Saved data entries
- - - - -

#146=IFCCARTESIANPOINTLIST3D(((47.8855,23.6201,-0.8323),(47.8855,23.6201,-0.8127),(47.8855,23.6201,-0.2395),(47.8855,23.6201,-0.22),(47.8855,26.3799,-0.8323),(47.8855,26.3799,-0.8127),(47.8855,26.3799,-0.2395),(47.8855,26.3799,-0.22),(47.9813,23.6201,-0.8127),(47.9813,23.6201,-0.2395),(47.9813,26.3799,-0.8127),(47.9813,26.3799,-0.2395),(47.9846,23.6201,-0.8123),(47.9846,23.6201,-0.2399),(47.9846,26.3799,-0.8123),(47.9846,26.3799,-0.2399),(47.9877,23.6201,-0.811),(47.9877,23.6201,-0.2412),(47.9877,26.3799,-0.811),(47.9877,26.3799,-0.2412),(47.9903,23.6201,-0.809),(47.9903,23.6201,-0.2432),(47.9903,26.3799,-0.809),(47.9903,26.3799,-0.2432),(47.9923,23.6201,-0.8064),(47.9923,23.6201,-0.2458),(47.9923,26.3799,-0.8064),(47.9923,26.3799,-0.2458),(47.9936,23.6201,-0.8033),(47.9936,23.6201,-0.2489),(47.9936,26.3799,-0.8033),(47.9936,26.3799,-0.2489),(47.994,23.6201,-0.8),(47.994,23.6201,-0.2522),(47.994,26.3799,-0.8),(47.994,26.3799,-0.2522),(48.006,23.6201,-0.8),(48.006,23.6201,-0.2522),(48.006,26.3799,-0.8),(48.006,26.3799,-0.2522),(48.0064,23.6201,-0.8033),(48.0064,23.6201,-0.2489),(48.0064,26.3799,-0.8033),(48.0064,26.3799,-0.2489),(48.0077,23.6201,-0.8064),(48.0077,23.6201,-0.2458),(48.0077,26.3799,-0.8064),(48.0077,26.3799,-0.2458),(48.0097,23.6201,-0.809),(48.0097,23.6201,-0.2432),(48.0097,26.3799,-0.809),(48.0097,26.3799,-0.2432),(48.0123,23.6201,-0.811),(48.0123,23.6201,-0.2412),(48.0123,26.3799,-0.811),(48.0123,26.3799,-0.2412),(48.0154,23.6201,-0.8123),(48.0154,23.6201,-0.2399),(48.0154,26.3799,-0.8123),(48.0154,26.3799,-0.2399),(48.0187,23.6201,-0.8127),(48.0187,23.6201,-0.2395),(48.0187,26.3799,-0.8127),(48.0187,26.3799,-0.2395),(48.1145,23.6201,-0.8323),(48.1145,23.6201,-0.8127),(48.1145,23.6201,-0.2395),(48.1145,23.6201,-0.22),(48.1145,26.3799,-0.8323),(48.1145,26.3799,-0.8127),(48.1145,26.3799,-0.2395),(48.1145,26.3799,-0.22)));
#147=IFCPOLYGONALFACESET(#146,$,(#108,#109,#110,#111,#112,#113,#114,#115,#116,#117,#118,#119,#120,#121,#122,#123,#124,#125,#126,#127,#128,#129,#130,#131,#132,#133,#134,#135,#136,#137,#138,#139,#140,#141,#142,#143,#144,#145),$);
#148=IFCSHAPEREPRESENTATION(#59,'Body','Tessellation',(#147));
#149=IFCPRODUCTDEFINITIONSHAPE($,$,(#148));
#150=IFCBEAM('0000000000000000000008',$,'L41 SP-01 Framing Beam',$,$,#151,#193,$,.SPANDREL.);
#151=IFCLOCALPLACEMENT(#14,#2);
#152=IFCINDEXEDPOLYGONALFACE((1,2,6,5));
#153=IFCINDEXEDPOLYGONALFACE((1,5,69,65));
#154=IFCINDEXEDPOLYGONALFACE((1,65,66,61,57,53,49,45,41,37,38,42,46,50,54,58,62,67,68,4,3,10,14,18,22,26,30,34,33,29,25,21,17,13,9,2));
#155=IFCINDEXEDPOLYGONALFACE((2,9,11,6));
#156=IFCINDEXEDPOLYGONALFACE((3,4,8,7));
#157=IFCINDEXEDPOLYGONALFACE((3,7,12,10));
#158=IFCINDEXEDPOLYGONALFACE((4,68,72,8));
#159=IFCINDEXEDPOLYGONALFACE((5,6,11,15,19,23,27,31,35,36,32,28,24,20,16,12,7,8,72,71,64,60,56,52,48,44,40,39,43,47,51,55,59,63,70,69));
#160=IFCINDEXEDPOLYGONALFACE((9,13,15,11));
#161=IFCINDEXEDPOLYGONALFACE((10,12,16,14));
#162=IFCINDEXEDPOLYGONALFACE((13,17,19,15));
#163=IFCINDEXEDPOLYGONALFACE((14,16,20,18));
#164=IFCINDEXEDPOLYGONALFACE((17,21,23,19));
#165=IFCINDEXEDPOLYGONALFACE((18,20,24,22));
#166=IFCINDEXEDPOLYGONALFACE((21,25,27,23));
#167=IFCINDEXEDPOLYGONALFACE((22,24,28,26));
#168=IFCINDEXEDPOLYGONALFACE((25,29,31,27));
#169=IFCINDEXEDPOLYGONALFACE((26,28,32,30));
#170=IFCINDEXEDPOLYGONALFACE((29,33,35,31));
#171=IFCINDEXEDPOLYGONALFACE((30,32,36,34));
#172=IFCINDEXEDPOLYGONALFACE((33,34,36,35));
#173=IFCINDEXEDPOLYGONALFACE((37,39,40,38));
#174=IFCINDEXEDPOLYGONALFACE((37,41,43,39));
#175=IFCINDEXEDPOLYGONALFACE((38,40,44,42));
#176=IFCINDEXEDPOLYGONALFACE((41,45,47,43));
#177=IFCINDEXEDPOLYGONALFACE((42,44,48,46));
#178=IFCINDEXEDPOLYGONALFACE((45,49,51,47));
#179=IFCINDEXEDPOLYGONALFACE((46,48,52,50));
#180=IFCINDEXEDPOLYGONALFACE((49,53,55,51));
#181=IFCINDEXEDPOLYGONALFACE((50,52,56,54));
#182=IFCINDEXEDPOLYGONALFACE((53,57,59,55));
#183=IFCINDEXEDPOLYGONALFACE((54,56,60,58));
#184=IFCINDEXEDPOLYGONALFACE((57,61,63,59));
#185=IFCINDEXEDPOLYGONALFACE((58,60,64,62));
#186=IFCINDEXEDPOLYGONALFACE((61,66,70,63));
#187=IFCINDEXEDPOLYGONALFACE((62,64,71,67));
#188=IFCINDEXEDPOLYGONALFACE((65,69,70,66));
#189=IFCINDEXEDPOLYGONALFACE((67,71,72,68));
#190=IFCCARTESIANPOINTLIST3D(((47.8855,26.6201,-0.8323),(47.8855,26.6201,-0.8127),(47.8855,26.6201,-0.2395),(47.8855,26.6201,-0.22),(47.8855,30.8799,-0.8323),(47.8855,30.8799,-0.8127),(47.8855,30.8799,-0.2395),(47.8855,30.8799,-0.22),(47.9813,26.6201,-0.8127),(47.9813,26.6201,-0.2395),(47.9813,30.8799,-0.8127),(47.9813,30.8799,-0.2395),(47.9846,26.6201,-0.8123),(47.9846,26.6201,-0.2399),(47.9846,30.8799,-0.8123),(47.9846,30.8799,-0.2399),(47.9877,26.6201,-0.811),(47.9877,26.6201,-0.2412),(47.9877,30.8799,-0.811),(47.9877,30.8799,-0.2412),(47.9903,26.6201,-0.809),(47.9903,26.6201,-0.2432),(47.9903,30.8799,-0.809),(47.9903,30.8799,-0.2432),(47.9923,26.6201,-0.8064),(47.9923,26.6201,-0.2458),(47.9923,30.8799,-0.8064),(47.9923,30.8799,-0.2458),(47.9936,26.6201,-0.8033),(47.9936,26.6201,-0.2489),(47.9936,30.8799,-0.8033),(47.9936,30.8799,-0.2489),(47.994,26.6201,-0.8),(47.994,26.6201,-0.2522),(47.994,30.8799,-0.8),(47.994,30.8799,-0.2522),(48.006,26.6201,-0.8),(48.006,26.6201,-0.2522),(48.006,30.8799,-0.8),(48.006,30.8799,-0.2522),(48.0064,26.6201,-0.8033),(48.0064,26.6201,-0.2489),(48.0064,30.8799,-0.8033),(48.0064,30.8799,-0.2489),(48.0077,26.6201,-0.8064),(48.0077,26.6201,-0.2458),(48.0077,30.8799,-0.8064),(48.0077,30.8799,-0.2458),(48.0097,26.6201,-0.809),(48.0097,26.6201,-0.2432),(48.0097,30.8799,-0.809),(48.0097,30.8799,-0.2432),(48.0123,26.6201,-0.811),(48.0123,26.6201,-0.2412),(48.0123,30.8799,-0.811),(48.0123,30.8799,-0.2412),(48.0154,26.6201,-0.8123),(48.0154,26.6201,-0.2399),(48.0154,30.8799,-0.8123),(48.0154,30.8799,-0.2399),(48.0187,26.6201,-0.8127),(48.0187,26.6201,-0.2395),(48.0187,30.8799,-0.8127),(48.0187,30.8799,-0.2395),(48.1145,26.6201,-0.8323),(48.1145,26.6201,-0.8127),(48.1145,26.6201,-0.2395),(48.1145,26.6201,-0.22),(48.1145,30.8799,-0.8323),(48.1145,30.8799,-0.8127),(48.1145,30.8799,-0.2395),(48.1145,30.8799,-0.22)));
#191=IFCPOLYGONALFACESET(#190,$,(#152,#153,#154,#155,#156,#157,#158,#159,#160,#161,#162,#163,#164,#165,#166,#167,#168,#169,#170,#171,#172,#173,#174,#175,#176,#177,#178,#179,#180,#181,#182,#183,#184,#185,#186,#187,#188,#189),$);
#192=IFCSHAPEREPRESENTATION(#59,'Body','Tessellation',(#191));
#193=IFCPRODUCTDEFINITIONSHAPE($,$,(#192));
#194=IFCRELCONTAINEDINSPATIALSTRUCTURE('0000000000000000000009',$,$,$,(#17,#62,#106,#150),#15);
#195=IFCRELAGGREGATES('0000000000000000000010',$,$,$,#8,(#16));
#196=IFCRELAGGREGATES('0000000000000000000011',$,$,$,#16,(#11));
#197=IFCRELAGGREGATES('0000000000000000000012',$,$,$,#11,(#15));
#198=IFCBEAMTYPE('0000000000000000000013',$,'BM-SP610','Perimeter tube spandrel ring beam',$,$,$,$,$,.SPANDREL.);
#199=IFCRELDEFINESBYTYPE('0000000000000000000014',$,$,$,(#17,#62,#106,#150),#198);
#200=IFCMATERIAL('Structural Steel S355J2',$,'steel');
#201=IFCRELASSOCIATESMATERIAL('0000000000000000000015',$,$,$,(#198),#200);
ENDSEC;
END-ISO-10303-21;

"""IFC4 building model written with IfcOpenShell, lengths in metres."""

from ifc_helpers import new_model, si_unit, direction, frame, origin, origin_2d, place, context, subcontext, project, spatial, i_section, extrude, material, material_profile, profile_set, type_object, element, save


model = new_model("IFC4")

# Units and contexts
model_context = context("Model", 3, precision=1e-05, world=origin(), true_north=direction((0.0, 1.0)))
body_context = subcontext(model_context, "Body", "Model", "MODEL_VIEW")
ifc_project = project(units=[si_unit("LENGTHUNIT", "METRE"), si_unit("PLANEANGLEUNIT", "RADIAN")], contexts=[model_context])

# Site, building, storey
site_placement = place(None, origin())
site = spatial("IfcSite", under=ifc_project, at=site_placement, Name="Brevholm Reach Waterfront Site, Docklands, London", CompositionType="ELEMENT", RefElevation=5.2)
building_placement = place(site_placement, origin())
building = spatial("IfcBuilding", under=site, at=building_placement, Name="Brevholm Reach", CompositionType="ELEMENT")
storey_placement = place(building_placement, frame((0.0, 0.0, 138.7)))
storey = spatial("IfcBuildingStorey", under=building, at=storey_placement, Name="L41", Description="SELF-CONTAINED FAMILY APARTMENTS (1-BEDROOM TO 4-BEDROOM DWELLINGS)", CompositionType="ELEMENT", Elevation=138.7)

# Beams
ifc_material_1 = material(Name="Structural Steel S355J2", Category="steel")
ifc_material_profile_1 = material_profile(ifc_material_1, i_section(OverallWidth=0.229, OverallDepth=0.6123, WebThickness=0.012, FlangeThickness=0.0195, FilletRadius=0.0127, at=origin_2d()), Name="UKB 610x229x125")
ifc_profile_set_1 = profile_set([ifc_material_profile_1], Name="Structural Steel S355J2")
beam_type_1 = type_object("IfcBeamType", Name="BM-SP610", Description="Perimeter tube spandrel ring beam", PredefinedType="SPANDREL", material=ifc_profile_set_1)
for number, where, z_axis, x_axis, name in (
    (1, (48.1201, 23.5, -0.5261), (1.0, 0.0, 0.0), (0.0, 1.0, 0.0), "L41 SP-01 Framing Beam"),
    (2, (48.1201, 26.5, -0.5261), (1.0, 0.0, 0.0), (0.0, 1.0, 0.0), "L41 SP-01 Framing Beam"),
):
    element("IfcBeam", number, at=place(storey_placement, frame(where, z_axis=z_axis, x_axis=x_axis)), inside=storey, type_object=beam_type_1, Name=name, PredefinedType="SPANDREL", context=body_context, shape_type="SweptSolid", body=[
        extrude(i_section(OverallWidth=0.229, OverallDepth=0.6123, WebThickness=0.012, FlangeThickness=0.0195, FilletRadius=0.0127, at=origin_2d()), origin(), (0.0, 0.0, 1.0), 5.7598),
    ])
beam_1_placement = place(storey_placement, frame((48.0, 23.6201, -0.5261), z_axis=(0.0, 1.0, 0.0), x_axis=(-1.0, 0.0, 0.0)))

- - - - -

> WHAT YOU WILL DO
Filter the preceding entries down to the lines with "Structural".

> YOUR SOLUTION
#200=IFCMATERIAL('Structural Steel S355J2',$,'steel');
ifc_material_1 = material(Name="Structural Steel S355J2", Category="steel")
ifc_profile_set_1 = profile_set([ifc_material_profile_1], Name="Structural Steel S355J2")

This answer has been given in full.